_Problem to work on_. The output is the lines below from the one with "#35=IFCINDEXEDPOLYGONALFACE((1,3,4,2));" through the one with "#58=IFCSHAPEREPRESENTATION(#29,'Body','Tessellation',(#57));", both included, printed exactly and with no other line.

[Collected data entries]
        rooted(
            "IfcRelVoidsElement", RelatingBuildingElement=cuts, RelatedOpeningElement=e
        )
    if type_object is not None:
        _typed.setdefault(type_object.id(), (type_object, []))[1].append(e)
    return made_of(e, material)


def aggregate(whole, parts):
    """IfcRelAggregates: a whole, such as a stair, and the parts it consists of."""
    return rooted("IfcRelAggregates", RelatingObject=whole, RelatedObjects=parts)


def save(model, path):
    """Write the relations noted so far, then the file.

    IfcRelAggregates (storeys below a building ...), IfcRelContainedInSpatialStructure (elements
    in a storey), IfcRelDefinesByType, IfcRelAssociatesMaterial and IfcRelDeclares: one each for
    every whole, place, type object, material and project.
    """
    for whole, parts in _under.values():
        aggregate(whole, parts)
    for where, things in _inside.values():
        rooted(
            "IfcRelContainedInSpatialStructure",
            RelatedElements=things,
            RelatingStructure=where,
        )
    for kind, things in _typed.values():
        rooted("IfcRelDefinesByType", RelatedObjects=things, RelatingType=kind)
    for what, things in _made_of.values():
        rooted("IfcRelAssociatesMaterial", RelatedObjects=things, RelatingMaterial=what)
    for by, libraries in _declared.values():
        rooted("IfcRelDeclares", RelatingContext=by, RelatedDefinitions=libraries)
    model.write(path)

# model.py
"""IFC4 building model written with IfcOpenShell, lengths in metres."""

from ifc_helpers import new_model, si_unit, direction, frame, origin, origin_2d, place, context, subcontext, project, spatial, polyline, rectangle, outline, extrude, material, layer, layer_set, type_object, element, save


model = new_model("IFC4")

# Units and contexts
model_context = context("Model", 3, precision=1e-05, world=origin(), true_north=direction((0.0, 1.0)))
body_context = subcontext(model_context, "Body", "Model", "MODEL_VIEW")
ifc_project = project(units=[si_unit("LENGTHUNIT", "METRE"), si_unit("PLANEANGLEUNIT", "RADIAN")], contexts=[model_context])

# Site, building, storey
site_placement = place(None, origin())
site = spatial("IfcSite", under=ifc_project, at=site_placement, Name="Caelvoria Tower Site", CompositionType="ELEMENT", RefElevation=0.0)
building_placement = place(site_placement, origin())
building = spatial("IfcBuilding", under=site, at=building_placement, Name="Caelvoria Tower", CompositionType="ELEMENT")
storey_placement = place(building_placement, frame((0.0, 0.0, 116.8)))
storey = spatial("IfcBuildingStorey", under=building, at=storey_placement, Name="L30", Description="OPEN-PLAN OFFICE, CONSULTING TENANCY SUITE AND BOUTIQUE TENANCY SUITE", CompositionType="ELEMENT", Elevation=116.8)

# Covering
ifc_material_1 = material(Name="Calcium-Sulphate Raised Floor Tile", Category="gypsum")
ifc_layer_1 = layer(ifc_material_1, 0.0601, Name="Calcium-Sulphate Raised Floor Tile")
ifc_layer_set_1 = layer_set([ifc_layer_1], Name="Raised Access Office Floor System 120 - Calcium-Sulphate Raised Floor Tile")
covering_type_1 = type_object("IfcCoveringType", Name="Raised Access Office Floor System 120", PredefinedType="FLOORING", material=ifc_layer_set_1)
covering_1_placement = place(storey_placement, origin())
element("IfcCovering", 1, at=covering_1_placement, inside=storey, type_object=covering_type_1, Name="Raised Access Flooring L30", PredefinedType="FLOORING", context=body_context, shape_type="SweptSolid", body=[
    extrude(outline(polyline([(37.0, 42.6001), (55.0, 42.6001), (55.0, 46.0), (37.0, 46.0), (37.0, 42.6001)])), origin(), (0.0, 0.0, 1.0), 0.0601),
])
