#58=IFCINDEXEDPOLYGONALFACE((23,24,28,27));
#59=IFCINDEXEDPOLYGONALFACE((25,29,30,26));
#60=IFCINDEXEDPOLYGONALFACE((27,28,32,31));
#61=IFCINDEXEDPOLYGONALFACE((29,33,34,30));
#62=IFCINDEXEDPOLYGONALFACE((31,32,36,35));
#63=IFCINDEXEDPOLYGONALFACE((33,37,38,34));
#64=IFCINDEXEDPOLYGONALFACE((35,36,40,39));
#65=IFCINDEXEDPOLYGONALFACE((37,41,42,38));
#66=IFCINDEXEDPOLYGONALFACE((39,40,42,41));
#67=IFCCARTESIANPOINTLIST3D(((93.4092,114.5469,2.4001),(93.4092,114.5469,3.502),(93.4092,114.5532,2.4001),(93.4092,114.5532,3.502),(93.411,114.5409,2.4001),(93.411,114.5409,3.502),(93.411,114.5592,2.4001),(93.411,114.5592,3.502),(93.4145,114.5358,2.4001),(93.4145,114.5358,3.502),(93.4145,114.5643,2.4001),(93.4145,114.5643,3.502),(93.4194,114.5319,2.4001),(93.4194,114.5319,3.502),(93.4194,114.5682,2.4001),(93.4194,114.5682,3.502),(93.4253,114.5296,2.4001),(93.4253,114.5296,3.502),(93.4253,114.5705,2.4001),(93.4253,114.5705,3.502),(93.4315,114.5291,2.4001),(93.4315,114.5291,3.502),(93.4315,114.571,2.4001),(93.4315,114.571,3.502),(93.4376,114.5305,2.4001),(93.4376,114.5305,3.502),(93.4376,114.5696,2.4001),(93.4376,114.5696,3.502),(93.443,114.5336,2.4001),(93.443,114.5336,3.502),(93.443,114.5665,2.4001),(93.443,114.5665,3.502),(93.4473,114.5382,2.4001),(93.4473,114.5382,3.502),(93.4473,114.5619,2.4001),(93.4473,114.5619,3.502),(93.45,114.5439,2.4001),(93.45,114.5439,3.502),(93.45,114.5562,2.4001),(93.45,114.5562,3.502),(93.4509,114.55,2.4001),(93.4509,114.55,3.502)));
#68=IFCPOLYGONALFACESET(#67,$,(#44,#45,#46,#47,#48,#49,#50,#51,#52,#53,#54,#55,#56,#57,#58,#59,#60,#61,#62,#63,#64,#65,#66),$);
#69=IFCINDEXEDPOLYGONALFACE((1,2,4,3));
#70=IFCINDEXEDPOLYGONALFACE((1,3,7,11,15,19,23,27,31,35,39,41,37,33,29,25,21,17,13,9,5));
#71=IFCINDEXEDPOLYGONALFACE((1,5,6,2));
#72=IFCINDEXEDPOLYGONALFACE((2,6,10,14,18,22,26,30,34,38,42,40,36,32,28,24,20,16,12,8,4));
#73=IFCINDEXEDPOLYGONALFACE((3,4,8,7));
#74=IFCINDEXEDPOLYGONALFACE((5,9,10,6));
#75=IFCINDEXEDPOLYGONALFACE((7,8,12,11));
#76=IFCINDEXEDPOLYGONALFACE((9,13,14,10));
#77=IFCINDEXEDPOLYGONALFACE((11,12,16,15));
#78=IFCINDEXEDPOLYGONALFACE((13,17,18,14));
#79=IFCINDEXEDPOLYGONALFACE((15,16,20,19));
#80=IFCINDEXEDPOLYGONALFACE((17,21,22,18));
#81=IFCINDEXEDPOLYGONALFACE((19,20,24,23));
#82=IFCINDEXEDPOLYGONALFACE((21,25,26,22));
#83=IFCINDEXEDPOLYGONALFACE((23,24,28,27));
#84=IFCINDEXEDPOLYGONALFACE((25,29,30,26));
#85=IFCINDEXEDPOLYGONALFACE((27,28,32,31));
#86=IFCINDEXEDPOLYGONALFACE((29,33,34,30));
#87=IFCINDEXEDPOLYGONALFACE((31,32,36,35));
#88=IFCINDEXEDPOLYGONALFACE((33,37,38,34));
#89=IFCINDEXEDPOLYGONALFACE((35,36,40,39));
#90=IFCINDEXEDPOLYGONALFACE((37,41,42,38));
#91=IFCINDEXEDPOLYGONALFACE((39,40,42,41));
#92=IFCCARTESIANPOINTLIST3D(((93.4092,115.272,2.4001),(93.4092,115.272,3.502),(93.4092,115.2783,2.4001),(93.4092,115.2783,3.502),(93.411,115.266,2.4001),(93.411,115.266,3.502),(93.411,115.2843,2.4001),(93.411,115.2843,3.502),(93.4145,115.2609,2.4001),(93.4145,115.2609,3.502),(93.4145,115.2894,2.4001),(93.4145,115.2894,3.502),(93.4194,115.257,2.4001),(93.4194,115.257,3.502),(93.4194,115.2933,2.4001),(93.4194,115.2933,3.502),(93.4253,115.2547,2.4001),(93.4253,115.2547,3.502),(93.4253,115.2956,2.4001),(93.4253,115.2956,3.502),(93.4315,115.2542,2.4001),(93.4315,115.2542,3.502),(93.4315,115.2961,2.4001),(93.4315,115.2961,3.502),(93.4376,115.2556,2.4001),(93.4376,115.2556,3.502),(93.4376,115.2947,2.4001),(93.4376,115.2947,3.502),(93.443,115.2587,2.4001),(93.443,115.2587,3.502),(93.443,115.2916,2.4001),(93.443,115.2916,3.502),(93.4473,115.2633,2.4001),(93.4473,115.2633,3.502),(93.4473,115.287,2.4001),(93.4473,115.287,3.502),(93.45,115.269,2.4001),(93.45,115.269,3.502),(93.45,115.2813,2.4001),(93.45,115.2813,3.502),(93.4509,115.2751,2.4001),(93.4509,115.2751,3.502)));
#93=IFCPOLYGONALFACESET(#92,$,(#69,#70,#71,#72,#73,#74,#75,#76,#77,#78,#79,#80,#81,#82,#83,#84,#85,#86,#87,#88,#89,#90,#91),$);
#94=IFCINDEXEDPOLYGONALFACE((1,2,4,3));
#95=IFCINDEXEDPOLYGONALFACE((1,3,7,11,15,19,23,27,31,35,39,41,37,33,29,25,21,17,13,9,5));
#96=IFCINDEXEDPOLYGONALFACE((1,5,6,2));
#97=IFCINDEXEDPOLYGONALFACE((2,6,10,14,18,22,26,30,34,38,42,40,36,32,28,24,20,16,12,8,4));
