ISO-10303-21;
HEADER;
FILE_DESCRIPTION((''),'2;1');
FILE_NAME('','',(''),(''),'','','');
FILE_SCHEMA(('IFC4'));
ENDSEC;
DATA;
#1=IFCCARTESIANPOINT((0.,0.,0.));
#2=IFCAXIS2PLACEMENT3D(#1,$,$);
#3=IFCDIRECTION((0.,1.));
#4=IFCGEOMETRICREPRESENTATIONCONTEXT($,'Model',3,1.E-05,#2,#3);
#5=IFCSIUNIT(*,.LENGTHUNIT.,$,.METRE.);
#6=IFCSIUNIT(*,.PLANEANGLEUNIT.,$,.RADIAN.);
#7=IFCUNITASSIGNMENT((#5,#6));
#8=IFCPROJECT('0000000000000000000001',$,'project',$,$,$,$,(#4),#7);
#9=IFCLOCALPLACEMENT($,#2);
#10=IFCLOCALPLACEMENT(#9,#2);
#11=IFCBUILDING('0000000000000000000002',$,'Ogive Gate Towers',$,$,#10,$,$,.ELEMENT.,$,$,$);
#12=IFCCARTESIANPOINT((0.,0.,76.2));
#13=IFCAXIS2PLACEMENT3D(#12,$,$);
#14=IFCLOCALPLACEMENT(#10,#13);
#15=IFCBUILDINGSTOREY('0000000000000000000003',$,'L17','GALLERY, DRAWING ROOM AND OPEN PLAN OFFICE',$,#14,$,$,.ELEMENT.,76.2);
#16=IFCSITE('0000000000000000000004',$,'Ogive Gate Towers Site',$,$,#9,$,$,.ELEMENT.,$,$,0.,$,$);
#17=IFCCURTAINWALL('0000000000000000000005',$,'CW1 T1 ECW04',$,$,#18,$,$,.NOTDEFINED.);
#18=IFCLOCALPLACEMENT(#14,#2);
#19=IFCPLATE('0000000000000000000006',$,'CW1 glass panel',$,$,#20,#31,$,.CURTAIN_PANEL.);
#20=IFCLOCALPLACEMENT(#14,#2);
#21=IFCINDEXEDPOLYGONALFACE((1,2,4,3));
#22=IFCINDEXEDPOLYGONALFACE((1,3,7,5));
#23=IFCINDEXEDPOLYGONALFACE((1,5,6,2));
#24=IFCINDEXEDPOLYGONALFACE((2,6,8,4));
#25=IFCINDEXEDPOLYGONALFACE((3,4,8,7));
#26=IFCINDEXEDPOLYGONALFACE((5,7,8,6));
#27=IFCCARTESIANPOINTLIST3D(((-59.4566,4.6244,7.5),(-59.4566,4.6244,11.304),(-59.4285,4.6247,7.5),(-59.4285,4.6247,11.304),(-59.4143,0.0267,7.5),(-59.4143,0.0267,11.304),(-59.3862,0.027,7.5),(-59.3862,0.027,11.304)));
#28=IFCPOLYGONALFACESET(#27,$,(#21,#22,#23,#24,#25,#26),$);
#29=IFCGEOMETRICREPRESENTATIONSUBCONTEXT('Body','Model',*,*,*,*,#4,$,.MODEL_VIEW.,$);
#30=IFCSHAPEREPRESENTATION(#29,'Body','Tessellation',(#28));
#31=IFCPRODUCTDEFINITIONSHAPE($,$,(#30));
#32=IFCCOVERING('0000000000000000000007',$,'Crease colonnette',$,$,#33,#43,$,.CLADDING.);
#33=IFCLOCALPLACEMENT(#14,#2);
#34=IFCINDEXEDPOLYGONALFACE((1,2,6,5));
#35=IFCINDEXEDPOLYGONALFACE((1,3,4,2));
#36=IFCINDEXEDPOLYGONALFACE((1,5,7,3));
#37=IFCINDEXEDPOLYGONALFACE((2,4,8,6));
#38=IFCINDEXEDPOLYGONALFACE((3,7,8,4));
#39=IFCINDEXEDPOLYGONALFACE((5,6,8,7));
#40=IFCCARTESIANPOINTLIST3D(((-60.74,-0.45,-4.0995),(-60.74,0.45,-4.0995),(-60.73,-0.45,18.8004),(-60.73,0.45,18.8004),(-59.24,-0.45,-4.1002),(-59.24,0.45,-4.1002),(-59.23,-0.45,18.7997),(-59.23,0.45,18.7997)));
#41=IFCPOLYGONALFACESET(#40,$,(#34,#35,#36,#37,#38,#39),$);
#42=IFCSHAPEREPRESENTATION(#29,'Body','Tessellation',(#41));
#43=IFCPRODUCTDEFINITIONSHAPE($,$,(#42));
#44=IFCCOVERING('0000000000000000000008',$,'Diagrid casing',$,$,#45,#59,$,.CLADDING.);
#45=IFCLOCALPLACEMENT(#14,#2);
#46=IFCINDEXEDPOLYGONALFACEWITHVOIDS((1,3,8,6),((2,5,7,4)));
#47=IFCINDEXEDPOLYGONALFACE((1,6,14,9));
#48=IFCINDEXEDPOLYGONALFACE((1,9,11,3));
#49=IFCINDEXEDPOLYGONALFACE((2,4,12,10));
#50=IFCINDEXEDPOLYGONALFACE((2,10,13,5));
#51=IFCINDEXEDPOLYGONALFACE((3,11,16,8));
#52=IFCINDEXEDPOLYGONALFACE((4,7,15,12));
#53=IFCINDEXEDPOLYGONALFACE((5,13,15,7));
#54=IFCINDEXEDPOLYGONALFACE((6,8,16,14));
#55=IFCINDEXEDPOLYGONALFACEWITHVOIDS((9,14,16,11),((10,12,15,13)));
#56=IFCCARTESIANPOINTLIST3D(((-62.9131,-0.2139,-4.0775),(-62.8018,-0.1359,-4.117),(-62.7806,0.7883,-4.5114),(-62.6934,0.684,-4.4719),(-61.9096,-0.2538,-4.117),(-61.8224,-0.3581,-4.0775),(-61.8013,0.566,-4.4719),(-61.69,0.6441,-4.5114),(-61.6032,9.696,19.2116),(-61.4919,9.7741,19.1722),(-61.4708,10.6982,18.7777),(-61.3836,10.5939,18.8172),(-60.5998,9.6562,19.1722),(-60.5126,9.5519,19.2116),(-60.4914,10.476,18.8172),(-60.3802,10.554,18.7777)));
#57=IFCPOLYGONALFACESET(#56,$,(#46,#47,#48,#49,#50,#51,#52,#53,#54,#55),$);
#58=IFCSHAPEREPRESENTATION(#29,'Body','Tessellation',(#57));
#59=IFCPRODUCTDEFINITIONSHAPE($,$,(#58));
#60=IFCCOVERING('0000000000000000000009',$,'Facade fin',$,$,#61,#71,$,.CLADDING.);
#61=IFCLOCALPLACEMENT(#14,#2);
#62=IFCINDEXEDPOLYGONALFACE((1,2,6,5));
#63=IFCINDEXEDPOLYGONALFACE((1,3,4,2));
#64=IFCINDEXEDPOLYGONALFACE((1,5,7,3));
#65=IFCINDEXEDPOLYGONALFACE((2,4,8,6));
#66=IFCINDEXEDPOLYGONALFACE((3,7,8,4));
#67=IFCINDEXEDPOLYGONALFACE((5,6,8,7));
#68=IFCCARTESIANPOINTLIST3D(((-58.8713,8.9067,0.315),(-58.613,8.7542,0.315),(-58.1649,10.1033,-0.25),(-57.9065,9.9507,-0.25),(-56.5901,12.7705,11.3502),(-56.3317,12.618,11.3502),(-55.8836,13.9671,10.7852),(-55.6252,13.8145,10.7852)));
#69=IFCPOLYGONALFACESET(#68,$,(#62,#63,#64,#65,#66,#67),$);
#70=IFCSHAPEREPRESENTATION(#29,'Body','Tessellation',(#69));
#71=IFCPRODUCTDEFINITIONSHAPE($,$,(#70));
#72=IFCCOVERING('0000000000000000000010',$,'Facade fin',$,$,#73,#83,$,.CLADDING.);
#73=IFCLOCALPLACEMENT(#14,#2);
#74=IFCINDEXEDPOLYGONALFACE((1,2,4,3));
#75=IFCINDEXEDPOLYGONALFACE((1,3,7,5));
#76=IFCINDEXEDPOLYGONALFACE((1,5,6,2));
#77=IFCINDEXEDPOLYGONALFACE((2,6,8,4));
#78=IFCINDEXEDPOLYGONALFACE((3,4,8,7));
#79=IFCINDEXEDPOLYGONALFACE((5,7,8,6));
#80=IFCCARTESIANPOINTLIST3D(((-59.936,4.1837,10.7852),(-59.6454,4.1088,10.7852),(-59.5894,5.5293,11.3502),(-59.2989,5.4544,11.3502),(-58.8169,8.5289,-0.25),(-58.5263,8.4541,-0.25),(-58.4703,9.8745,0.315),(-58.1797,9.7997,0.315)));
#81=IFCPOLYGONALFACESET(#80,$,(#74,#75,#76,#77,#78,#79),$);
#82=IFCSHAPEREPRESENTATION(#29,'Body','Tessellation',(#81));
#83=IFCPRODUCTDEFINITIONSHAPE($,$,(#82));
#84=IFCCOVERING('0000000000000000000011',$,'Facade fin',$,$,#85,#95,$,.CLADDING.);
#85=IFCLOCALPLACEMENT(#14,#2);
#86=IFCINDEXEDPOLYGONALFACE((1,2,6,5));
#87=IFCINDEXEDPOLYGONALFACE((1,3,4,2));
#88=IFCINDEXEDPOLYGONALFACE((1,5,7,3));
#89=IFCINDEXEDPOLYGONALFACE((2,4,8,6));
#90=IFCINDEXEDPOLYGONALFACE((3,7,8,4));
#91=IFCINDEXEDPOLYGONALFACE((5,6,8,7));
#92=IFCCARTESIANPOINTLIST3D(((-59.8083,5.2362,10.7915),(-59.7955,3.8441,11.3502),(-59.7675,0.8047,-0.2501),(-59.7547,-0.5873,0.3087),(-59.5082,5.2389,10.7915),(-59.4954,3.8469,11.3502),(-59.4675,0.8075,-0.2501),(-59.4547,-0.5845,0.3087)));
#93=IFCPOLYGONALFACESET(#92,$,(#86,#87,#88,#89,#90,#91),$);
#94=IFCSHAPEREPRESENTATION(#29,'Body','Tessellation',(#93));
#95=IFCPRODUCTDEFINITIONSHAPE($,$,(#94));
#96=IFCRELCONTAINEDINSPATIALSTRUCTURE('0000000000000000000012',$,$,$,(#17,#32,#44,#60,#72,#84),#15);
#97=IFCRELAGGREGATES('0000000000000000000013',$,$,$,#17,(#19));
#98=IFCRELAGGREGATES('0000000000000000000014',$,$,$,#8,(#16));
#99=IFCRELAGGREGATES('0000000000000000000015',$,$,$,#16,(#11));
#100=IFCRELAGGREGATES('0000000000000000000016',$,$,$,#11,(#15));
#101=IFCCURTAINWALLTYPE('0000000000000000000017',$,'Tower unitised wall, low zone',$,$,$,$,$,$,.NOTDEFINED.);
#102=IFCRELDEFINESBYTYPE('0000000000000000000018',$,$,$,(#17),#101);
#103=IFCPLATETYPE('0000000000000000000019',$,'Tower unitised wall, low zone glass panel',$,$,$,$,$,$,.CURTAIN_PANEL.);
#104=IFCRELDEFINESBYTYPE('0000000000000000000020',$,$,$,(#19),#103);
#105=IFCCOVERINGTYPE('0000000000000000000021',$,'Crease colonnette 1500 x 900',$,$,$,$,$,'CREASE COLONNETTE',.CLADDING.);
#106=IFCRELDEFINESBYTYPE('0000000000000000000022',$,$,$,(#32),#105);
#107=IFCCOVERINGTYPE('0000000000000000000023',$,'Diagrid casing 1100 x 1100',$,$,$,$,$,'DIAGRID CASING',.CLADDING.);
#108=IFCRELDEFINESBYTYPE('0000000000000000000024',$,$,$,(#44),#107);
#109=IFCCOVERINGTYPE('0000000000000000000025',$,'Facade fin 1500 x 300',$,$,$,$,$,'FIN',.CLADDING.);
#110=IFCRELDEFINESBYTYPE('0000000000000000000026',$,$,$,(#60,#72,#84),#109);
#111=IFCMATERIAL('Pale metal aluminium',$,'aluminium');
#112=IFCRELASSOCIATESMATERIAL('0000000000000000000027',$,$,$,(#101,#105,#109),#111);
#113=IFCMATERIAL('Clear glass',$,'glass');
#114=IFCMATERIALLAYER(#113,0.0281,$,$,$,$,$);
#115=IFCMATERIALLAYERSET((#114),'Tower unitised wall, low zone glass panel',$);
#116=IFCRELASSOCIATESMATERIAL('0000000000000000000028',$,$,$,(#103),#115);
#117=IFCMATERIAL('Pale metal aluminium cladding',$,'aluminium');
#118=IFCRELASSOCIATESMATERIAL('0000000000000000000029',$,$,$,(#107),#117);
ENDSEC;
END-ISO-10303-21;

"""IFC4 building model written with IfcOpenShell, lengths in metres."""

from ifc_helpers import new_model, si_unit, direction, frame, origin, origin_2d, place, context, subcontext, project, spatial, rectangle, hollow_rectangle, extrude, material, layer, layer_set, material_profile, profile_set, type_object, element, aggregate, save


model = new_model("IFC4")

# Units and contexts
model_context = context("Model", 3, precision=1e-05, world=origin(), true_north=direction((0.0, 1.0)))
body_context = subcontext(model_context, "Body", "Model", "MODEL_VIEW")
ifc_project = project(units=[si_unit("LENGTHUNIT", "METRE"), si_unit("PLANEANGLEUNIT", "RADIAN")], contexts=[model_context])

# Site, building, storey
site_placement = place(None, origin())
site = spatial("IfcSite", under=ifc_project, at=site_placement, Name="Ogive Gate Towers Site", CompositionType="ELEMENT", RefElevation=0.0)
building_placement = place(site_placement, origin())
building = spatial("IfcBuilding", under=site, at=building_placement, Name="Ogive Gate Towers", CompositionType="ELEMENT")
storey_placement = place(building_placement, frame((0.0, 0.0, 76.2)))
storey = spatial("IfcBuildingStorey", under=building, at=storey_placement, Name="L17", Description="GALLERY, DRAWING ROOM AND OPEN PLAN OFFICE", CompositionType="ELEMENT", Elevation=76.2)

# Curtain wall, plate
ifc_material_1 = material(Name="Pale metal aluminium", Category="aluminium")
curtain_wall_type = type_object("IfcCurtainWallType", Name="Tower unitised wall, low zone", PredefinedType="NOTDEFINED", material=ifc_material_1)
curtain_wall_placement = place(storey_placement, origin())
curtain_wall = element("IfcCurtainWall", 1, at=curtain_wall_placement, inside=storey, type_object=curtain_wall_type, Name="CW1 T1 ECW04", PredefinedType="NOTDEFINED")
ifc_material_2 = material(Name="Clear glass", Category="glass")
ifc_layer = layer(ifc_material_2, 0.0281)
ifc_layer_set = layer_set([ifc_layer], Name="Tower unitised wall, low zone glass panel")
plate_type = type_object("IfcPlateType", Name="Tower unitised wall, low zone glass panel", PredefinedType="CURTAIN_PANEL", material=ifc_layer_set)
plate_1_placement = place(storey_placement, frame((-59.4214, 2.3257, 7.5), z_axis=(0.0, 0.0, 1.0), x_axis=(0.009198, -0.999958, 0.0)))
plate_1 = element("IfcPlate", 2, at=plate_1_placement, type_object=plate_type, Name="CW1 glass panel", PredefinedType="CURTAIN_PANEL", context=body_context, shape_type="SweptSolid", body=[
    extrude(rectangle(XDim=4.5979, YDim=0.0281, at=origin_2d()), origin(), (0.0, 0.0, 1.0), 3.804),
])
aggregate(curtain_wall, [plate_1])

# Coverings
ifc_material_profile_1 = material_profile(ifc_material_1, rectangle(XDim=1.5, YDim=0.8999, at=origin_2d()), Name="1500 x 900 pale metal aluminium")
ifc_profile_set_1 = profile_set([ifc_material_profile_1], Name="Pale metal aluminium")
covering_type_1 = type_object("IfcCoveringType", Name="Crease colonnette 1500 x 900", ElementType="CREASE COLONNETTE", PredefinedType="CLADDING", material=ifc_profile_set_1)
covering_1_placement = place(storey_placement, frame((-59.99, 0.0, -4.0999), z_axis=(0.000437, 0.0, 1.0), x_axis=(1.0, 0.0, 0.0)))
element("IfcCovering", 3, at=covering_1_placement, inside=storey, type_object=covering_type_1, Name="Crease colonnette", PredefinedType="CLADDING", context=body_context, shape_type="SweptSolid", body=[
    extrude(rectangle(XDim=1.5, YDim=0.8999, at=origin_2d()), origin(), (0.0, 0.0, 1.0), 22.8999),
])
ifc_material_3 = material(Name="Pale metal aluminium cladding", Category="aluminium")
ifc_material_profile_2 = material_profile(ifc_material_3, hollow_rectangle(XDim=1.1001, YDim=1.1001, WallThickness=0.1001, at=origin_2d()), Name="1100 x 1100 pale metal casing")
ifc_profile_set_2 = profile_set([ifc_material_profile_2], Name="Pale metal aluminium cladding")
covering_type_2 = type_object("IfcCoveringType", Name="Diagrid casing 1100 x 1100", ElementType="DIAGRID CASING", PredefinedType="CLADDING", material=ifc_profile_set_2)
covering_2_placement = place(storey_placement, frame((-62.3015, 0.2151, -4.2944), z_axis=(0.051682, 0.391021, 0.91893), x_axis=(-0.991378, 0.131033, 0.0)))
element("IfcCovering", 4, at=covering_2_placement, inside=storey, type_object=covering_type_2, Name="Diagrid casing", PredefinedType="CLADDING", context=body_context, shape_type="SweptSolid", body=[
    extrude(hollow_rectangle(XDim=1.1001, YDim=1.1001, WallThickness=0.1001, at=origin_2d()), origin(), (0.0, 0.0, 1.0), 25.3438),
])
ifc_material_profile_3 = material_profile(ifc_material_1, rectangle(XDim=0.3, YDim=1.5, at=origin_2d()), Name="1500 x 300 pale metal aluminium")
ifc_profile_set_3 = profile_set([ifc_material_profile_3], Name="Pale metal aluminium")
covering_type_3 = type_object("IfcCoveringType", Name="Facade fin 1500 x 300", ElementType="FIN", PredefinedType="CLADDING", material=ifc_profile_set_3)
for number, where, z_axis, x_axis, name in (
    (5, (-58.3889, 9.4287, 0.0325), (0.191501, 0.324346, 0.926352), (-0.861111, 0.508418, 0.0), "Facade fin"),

_Answer_.
#35=IFCINDEXEDPOLYGONALFACE((1,3,4,2));
#36=IFCINDEXEDPOLYGONALFACE((1,5,7,3));
#37=IFCINDEXEDPOLYGONALFACE((2,4,8,6));
#38=IFCINDEXEDPOLYGONALFACE((3,7,8,4));
#39=IFCINDEXEDPOLYGONALFACE((5,6,8,7));
#40=IFCCARTESIANPOINTLIST3D(((-60.74,-0.45,-4.0995),(-60.74,0.45,-4.0995),(-60.73,-0.45,18.8004),(-60.73,0.45,18.8004),(-59.24,-0.45,-4.1002),(-59.24,0.45,-4.1002),(-59.23,-0.45,18.7997),(-59.23,0.45,18.7997)));
#41=IFCPOLYGONALFACESET(#40,$,(#34,#35,#36,#37,#38,#39),$);
#42=IFCSHAPEREPRESENTATION(#29,'Body','Tessellation',(#41));
#43=IFCPRODUCTDEFINITIONSHAPE($,$,(#42));
#44=IFCCOVERING('0000000000000000000008',$,'Diagrid casing',$,$,#45,#59,$,.CLADDING.);
#45=IFCLOCALPLACEMENT(#14,#2);
#46=IFCINDEXEDPOLYGONALFACEWITHVOIDS((1,3,8,6),((2,5,7,4)));
#47=IFCINDEXEDPOLYGONALFACE((1,6,14,9));
#48=IFCINDEXEDPOLYGONALFACE((1,9,11,3));
#49=IFCINDEXEDPOLYGONALFACE((2,4,12,10));
#50=IFCINDEXEDPOLYGONALFACE((2,10,13,5));
#51=IFCINDEXEDPOLYGONALFACE((3,11,16,8));
#52=IFCINDEXEDPOLYGONALFACE((4,7,15,12));
#53=IFCINDEXEDPOLYGONALFACE((5,13,15,7));
#54=IFCINDEXEDPOLYGONALFACE((6,8,16,14));
#55=IFCINDEXEDPOLYGONALFACEWITHVOIDS((9,14,16,11),((10,12,15,13)));
#56=IFCCARTESIANPOINTLIST3D(((-62.9131,-0.2139,-4.0775),(-62.8018,-0.1359,-4.117),(-62.7806,0.7883,-4.5114),(-62.6934,0.684,-4.4719),(-61.9096,-0.2538,-4.117),(-61.8224,-0.3581,-4.0775),(-61.8013,0.566,-4.4719),(-61.69,0.6441,-4.5114),(-61.6032,9.696,19.2116),(-61.4919,9.7741,19.1722),(-61.4708,10.6982,18.7777),(-61.3836,10.5939,18.8172),(-60.5998,9.6562,19.1722),(-60.5126,9.5519,19.2116),(-60.4914,10.476,18.8172),(-60.3802,10.554,18.7777)));
#57=IFCPOLYGONALFACESET(#56,$,(#46,#47,#48,#49,#50,#51,#52,#53,#54,#55),$);
#58=IFCSHAPEREPRESENTATION(#29,'Body','Tessellation',(#57));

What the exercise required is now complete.